Exercise prompt: Return the entries below in full. Keep every word as it is.
..........
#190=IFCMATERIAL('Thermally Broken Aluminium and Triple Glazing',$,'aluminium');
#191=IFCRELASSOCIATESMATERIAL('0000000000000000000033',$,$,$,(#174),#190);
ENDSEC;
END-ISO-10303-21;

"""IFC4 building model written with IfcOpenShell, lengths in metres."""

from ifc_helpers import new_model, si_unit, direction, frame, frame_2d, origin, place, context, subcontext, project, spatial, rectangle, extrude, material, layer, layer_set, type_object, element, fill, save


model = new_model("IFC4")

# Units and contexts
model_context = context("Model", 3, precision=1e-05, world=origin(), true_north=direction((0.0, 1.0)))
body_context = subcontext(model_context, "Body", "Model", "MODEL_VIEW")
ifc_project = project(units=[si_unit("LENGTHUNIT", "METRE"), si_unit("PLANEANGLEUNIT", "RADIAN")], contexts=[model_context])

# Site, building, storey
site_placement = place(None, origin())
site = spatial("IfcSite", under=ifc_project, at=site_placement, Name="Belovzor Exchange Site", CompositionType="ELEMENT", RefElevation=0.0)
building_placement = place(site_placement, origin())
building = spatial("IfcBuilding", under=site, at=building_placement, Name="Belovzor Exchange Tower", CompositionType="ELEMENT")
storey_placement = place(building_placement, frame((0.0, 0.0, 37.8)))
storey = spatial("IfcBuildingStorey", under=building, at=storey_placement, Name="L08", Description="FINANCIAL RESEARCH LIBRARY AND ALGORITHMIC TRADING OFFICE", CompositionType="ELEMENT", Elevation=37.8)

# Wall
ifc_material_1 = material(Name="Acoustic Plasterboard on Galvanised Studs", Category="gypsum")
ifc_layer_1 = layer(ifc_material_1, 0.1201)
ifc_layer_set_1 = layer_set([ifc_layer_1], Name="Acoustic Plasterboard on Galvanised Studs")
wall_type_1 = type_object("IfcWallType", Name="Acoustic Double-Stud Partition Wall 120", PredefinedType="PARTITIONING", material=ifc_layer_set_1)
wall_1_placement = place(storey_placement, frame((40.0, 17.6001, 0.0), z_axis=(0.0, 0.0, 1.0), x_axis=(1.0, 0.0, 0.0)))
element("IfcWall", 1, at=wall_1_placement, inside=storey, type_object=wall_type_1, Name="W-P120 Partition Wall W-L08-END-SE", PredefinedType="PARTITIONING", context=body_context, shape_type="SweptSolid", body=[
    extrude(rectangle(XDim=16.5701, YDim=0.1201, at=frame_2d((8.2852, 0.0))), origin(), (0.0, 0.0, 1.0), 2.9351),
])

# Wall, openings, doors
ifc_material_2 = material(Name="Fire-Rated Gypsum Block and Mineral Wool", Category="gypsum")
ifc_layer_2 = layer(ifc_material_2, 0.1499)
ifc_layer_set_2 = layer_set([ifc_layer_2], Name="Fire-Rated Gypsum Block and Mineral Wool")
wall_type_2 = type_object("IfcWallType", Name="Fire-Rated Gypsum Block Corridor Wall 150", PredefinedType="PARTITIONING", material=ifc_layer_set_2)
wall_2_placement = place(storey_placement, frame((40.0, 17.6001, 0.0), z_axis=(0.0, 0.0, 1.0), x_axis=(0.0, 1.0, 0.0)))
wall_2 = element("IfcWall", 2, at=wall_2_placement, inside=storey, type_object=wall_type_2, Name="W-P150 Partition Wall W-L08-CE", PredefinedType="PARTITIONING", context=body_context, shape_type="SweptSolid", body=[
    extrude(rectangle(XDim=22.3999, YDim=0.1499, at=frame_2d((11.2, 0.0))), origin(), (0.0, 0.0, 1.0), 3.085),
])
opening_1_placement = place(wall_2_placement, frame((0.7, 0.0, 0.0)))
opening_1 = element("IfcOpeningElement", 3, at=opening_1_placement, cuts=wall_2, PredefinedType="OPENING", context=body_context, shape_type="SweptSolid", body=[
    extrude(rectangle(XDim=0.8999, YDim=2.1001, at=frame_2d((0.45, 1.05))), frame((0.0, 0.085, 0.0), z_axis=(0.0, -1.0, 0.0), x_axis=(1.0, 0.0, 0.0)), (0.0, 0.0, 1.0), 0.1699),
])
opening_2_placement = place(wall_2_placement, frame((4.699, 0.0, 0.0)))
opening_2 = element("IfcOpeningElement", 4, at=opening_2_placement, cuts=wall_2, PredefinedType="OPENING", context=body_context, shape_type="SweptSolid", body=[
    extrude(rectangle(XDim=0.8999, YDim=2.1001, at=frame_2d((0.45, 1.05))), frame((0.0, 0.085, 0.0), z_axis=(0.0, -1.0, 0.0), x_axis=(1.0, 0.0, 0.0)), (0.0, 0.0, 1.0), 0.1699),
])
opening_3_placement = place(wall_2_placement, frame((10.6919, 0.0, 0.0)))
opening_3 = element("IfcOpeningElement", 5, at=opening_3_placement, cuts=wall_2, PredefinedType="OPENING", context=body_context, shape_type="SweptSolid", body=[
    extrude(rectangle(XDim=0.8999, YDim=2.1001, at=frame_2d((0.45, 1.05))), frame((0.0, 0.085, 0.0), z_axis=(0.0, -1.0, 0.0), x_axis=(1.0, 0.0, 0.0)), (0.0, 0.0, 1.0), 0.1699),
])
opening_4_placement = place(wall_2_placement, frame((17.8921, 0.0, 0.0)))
..........
Reply:
#190=IFCMATERIAL('Thermally Broken Aluminium and Triple Glazing',$,'aluminium');
#191=IFCRELASSOCIATESMATERIAL('0000000000000000000033',$,$,$,(#174),#190);
ENDSEC;
END-ISO-10303-21;

"""IFC4 building model written with IfcOpenShell, lengths in metres."""

from ifc_helpers import new_model, si_unit, direction, frame, frame_2d, origin, place, context, subcontext, project, spatial, rectangle, extrude, material, layer, layer_set, type_object, element, fill, save


model = new_model("IFC4")

# Units and contexts
model_context = context("Model", 3, precision=1e-05, world=origin(), true_north=direction((0.0, 1.0)))
body_context = subcontext(model_context, "Body", "Model", "MODEL_VIEW")
ifc_project = project(units=[si_unit("LENGTHUNIT", "METRE"), si_unit("PLANEANGLEUNIT", "RADIAN")], contexts=[model_context])

# Site, building, storey
site_placement = place(None, origin())
site = spatial("IfcSite", under=ifc_project, at=site_placement, Name="Belovzor Exchange Site", CompositionType="ELEMENT", RefElevation=0.0)
building_placement = place(site_placement, origin())
building = spatial("IfcBuilding", under=site, at=building_placement, Name="Belovzor Exchange Tower", CompositionType="ELEMENT")
storey_placement = place(building_placement, frame((0.0, 0.0, 37.8)))
storey = spatial("IfcBuildingStorey", under=building, at=storey_placement, Name="L08", Description="FINANCIAL RESEARCH LIBRARY AND ALGORITHMIC TRADING OFFICE", CompositionType="ELEMENT", Elevation=37.8)

# Wall
ifc_material_1 = material(Name="Acoustic Plasterboard on Galvanised Studs", Category="gypsum")
ifc_layer_1 = layer(ifc_material_1, 0.1201)
ifc_layer_set_1 = layer_set([ifc_layer_1], Name="Acoustic Plasterboard on Galvanised Studs")
wall_type_1 = type_object("IfcWallType", Name="Acoustic Double-Stud Partition Wall 120", PredefinedType="PARTITIONING", material=ifc_layer_set_1)
wall_1_placement = place(storey_placement, frame((40.0, 17.6001, 0.0), z_axis=(0.0, 0.0, 1.0), x_axis=(1.0, 0.0, 0.0)))
element("IfcWall", 1, at=wall_1_placement, inside=storey, type_object=wall_type_1, Name="W-P120 Partition Wall W-L08-END-SE", PredefinedType="PARTITIONING", context=body_context, shape_type="SweptSolid", body=[
    extrude(rectangle(XDim=16.5701, YDim=0.1201, at=frame_2d((8.2852, 0.0))), origin(), (0.0, 0.0, 1.0), 2.9351),
])

# Wall, openings, doors
ifc_material_2 = material(Name="Fire-Rated Gypsum Block and Mineral Wool", Category="gypsum")
ifc_layer_2 = layer(ifc_material_2, 0.1499)
ifc_layer_set_2 = layer_set([ifc_layer_2], Name="Fire-Rated Gypsum Block and Mineral Wool")
wall_type_2 = type_object("IfcWallType", Name="Fire-Rated Gypsum Block Corridor Wall 150", PredefinedType="PARTITIONING", material=ifc_layer_set_2)
wall_2_placement = place(storey_placement, frame((40.0, 17.6001, 0.0), z_axis=(0.0, 0.0, 1.0), x_axis=(0.0, 1.0, 0.0)))
wall_2 = element("IfcWall", 2, at=wall_2_placement, inside=storey, type_object=wall_type_2, Name="W-P150 Partition Wall W-L08-CE", PredefinedType="PARTITIONING", context=body_context, shape_type="SweptSolid", body=[
    extrude(rectangle(XDim=22.3999, YDim=0.1499, at=frame_2d((11.2, 0.0))), origin(), (0.0, 0.0, 1.0), 3.085),
])
opening_1_placement = place(wall_2_placement, frame((0.7, 0.0, 0.0)))
opening_1 = element("IfcOpeningElement", 3, at=opening_1_placement, cuts=wall_2, PredefinedType="OPENING", context=body_context, shape_type="SweptSolid", body=[
    extrude(rectangle(XDim=0.8999, YDim=2.1001, at=frame_2d((0.45, 1.05))), frame((0.0, 0.085, 0.0), z_axis=(0.0, -1.0, 0.0), x_axis=(1.0, 0.0, 0.0)), (0.0, 0.0, 1.0), 0.1699),
])
opening_2_placement = place(wall_2_placement, frame((4.699, 0.0, 0.0)))
opening_2 = element("IfcOpeningElement", 4, at=opening_2_placement, cuts=wall_2, PredefinedType="OPENING", context=body_context, shape_type="SweptSolid", body=[
    extrude(rectangle(XDim=0.8999, YDim=2.1001, at=frame_2d((0.45, 1.05))), frame((0.0, 0.085, 0.0), z_axis=(0.0, -1.0, 0.0), x_axis=(1.0, 0.0, 0.0)), (0.0, 0.0, 1.0), 0.1699),
])
opening_3_placement = place(wall_2_placement, frame((10.6919, 0.0, 0.0)))
opening_3 = element("IfcOpeningElement", 5, at=opening_3_placement, cuts=wall_2, PredefinedType="OPENING", context=body_context, shape_type="SweptSolid", body=[
    extrude(rectangle(XDim=0.8999, YDim=2.1001, at=frame_2d((0.45, 1.05))), frame((0.0, 0.085, 0.0), z_axis=(0.0, -1.0, 0.0), x_axis=(1.0, 0.0, 0.0)), (0.0, 0.0, 1.0), 0.1699),
])
opening_4_placement = place(wall_2_placement, frame((17.8921, 0.0, 0.0)))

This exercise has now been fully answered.